*** Opening of Supplied material ***
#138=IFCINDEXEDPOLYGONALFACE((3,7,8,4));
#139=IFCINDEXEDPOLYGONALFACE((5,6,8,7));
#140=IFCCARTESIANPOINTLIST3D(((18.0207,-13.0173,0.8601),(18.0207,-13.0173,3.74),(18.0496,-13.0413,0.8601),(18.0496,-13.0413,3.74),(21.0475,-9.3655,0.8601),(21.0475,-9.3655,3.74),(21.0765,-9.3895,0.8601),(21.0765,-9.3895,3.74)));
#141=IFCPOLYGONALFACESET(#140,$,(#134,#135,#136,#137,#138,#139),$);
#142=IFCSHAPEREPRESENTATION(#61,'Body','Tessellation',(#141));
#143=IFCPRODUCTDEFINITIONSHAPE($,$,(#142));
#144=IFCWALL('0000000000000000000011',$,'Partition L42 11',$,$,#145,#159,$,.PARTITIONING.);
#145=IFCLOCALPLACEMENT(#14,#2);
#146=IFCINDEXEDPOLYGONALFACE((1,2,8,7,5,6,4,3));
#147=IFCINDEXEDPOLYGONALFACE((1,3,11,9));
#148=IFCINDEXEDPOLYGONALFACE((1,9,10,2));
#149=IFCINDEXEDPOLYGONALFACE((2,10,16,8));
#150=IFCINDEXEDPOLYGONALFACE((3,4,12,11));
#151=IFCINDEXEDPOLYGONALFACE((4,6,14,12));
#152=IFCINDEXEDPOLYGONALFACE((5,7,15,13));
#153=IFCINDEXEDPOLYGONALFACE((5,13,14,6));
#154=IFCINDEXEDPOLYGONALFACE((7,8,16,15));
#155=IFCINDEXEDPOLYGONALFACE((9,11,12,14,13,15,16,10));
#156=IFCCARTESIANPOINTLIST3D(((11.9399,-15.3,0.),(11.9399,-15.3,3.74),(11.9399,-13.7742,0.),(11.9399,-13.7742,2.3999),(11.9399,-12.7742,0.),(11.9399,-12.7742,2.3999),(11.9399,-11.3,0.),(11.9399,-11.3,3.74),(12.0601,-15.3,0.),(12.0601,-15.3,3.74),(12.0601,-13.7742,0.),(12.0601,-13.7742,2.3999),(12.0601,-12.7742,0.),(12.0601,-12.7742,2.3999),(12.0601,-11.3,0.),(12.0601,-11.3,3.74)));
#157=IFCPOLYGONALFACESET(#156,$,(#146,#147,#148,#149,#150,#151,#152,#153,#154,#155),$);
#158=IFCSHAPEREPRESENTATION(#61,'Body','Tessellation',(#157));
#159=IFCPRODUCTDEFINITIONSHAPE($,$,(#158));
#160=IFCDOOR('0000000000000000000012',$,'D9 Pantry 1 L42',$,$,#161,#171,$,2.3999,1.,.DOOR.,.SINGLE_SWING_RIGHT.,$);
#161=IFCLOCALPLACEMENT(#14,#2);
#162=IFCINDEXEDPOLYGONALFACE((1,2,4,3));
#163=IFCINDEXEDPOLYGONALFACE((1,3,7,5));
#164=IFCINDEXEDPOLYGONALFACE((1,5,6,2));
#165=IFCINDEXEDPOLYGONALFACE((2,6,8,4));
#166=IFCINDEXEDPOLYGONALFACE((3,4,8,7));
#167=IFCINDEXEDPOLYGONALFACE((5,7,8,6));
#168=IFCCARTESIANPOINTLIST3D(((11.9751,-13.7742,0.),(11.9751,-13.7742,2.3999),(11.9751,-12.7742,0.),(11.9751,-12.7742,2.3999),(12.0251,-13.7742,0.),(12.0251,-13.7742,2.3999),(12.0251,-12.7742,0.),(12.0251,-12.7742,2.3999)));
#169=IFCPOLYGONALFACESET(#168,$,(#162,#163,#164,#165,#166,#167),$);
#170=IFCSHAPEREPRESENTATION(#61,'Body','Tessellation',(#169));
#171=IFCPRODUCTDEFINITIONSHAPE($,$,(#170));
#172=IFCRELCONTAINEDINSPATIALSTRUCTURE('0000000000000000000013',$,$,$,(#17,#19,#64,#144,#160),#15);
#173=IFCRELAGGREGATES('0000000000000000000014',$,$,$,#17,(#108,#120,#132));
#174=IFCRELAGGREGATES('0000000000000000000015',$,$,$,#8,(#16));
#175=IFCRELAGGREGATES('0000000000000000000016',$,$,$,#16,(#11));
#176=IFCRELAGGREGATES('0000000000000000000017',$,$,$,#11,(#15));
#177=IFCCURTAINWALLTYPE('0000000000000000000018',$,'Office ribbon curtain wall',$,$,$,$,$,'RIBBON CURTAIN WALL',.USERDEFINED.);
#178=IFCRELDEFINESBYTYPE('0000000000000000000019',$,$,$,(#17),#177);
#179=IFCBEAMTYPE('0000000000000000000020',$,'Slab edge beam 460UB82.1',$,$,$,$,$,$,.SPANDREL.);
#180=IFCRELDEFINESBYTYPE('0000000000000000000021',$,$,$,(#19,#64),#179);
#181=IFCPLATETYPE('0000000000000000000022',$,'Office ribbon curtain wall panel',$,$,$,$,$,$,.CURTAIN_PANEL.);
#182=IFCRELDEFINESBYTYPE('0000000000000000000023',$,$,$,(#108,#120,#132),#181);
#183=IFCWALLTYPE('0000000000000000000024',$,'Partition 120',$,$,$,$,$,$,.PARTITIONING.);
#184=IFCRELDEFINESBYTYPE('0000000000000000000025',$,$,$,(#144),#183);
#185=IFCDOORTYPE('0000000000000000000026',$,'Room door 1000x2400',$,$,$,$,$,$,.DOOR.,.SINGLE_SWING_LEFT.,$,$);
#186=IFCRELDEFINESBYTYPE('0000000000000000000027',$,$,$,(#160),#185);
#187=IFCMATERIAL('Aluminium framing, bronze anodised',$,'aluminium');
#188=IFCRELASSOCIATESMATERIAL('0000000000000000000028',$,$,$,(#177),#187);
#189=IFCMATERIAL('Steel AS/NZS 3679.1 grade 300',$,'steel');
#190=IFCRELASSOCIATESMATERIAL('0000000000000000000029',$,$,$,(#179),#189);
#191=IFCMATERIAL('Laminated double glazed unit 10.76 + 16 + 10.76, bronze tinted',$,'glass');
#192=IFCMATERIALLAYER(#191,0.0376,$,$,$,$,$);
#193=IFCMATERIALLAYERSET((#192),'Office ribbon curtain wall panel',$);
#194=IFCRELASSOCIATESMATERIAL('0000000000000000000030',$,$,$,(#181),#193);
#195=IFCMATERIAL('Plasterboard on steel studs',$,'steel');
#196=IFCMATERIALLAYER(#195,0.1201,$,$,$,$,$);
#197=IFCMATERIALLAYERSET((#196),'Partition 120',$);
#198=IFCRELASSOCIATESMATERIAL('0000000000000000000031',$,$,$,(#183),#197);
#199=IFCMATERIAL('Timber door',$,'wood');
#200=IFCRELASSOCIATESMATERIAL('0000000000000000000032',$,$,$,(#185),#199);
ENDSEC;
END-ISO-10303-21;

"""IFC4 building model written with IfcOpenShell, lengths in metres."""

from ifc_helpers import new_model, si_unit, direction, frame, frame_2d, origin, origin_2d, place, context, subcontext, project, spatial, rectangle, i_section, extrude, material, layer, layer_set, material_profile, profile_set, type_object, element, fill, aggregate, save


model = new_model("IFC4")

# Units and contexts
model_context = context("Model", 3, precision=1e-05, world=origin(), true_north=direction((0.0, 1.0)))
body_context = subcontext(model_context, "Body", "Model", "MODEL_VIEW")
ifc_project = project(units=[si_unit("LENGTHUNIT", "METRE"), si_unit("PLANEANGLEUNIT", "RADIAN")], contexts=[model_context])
*** Close of Supplied material ***
▶ _Task details_
Repeat the records exactly, including every line.

▶ _Final answer_
#138=IFCINDEXEDPOLYGONALFACE((3,7,8,4));
#139=IFCINDEXEDPOLYGONALFACE((5,6,8,7));
#140=IFCCARTESIANPOINTLIST3D(((18.0207,-13.0173,0.8601),(18.0207,-13.0173,3.74),(18.0496,-13.0413,0.8601),(18.0496,-13.0413,3.74),(21.0475,-9.3655,0.8601),(21.0475,-9.3655,3.74),(21.0765,-9.3895,0.8601),(21.0765,-9.3895,3.74)));
#141=IFCPOLYGONALFACESET(#140,$,(#134,#135,#136,#137,#138,#139),$);
#142=IFCSHAPEREPRESENTATION(#61,'Body','Tessellation',(#141));
#143=IFCPRODUCTDEFINITIONSHAPE($,$,(#142));
#144=IFCWALL('0000000000000000000011',$,'Partition L42 11',$,$,#145,#159,$,.PARTITIONING.);
#145=IFCLOCALPLACEMENT(#14,#2);
#146=IFCINDEXEDPOLYGONALFACE((1,2,8,7,5,6,4,3));
#147=IFCINDEXEDPOLYGONALFACE((1,3,11,9));
#148=IFCINDEXEDPOLYGONALFACE((1,9,10,2));
#149=IFCINDEXEDPOLYGONALFACE((2,10,16,8));
#150=IFCINDEXEDPOLYGONALFACE((3,4,12,11));
#151=IFCINDEXEDPOLYGONALFACE((4,6,14,12));
#152=IFCINDEXEDPOLYGONALFACE((5,7,15,13));
#153=IFCINDEXEDPOLYGONALFACE((5,13,14,6));
#154=IFCINDEXEDPOLYGONALFACE((7,8,16,15));
#155=IFCINDEXEDPOLYGONALFACE((9,11,12,14,13,15,16,10));
#156=IFCCARTESIANPOINTLIST3D(((11.9399,-15.3,0.),(11.9399,-15.3,3.74),(11.9399,-13.7742,0.),(11.9399,-13.7742,2.3999),(11.9399,-12.7742,0.),(11.9399,-12.7742,2.3999),(11.9399,-11.3,0.),(11.9399,-11.3,3.74),(12.0601,-15.3,0.),(12.0601,-15.3,3.74),(12.0601,-13.7742,0.),(12.0601,-13.7742,2.3999),(12.0601,-12.7742,0.),(12.0601,-12.7742,2.3999),(12.0601,-11.3,0.),(12.0601,-11.3,3.74)));
#157=IFCPOLYGONALFACESET(#156,$,(#146,#147,#148,#149,#150,#151,#152,#153,#154,#155),$);
#158=IFCSHAPEREPRESENTATION(#61,'Body','Tessellation',(#157));
#159=IFCPRODUCTDEFINITIONSHAPE($,$,(#158));
#160=IFCDOOR('0000000000000000000012',$,'D9 Pantry 1 L42',$,$,#161,#171,$,2.3999,1.,.DOOR.,.SINGLE_SWING_RIGHT.,$);
#161=IFCLOCALPLACEMENT(#14,#2);
#162=IFCINDEXEDPOLYGONALFACE((1,2,4,3));
#163=IFCINDEXEDPOLYGONALFACE((1,3,7,5));
#164=IFCINDEXEDPOLYGONALFACE((1,5,6,2));
#165=IFCINDEXEDPOLYGONALFACE((2,6,8,4));
#166=IFCINDEXEDPOLYGONALFACE((3,4,8,7));
#167=IFCINDEXEDPOLYGONALFACE((5,7,8,6));
#168=IFCCARTESIANPOINTLIST3D(((11.9751,-13.7742,0.),(11.9751,-13.7742,2.3999),(11.9751,-12.7742,0.),(11.9751,-12.7742,2.3999),(12.0251,-13.7742,0.),(12.0251,-13.7742,2.3999),(12.0251,-12.7742,0.),(12.0251,-12.7742,2.3999)));
#169=IFCPOLYGONALFACESET(#168,$,(#162,#163,#164,#165,#166,#167),$);
#170=IFCSHAPEREPRESENTATION(#61,'Body','Tessellation',(#169));
#171=IFCPRODUCTDEFINITIONSHAPE($,$,(#170));
#172=IFCRELCONTAINEDINSPATIALSTRUCTURE('0000000000000000000013',$,$,$,(#17,#19,#64,#144,#160),#15);
#173=IFCRELAGGREGATES('0000000000000000000014',$,$,$,#17,(#108,#120,#132));
#174=IFCRELAGGREGATES('0000000000000000000015',$,$,$,#8,(#16));
#175=IFCRELAGGREGATES('0000000000000000000016',$,$,$,#16,(#11));
#176=IFCRELAGGREGATES('0000000000000000000017',$,$,$,#11,(#15));
#177=IFCCURTAINWALLTYPE('0000000000000000000018',$,'Office ribbon curtain wall',$,$,$,$,$,'RIBBON CURTAIN WALL',.USERDEFINED.);
#178=IFCRELDEFINESBYTYPE('0000000000000000000019',$,$,$,(#17),#177);
#179=IFCBEAMTYPE('0000000000000000000020',$,'Slab edge beam 460UB82.1',$,$,$,$,$,$,.SPANDREL.);
#180=IFCRELDEFINESBYTYPE('0000000000000000000021',$,$,$,(#19,#64),#179);
#181=IFCPLATETYPE('0000000000000000000022',$,'Office ribbon curtain wall panel',$,$,$,$,$,$,.CURTAIN_PANEL.);
#182=IFCRELDEFINESBYTYPE('0000000000000000000023',$,$,$,(#108,#120,#132),#181);
#183=IFCWALLTYPE('0000000000000000000024',$,'Partition 120',$,$,$,$,$,$,.PARTITIONING.);
#184=IFCRELDEFINESBYTYPE('0000000000000000000025',$,$,$,(#144),#183);
#185=IFCDOORTYPE('0000000000000000000026',$,'Room door 1000x2400',$,$,$,$,$,$,.DOOR.,.SINGLE_SWING_LEFT.,$,$);
#186=IFCRELDEFINESBYTYPE('0000000000000000000027',$,$,$,(#160),#185);
#187=IFCMATERIAL('Aluminium framing, bronze anodised',$,'aluminium');
#188=IFCRELASSOCIATESMATERIAL('0000000000000000000028',$,$,$,(#177),#187);
#189=IFCMATERIAL('Steel AS/NZS 3679.1 grade 300',$,'steel');
#190=IFCRELASSOCIATESMATERIAL('0000000000000000000029',$,$,$,(#179),#189);
#191=IFCMATERIAL('Laminated double glazed unit 10.76 + 16 + 10.76, bronze tinted',$,'glass');
#192=IFCMATERIALLAYER(#191,0.0376,$,$,$,$,$);
#193=IFCMATERIALLAYERSET((#192),'Office ribbon curtain wall panel',$);
#194=IFCRELASSOCIATESMATERIAL('0000000000000000000030',$,$,$,(#181),#193);
#195=IFCMATERIAL('Plasterboard on steel studs',$,'steel');
#196=IFCMATERIALLAYER(#195,0.1201,$,$,$,$,$);
#197=IFCMATERIALLAYERSET((#196),'Partition 120',$);
#198=IFCRELASSOCIATESMATERIAL('0000000000000000000031',$,$,$,(#183),#197);
#199=IFCMATERIAL('Timber door',$,'wood');
#200=IFCRELASSOCIATESMATERIAL('0000000000000000000032',$,$,$,(#185),#199);
ENDSEC;
END-ISO-10303-21;

"""IFC4 building model written with IfcOpenShell, lengths in metres."""

from ifc_helpers import new_model, si_unit, direction, frame, frame_2d, origin, origin_2d, place, context, subcontext, project, spatial, rectangle, i_section, extrude, material, layer, layer_set, material_profile, profile_set, type_object, element, fill, aggregate, save


model = new_model("IFC4")

# Units and contexts
model_context = context("Model", 3, precision=1e-05, world=origin(), true_north=direction((0.0, 1.0)))
body_context = subcontext(model_context, "Body", "Model", "MODEL_VIEW")
ifc_project = project(units=[si_unit("LENGTHUNIT", "METRE"), si_unit("PLANEANGLEUNIT", "RADIAN")], contexts=[model_context])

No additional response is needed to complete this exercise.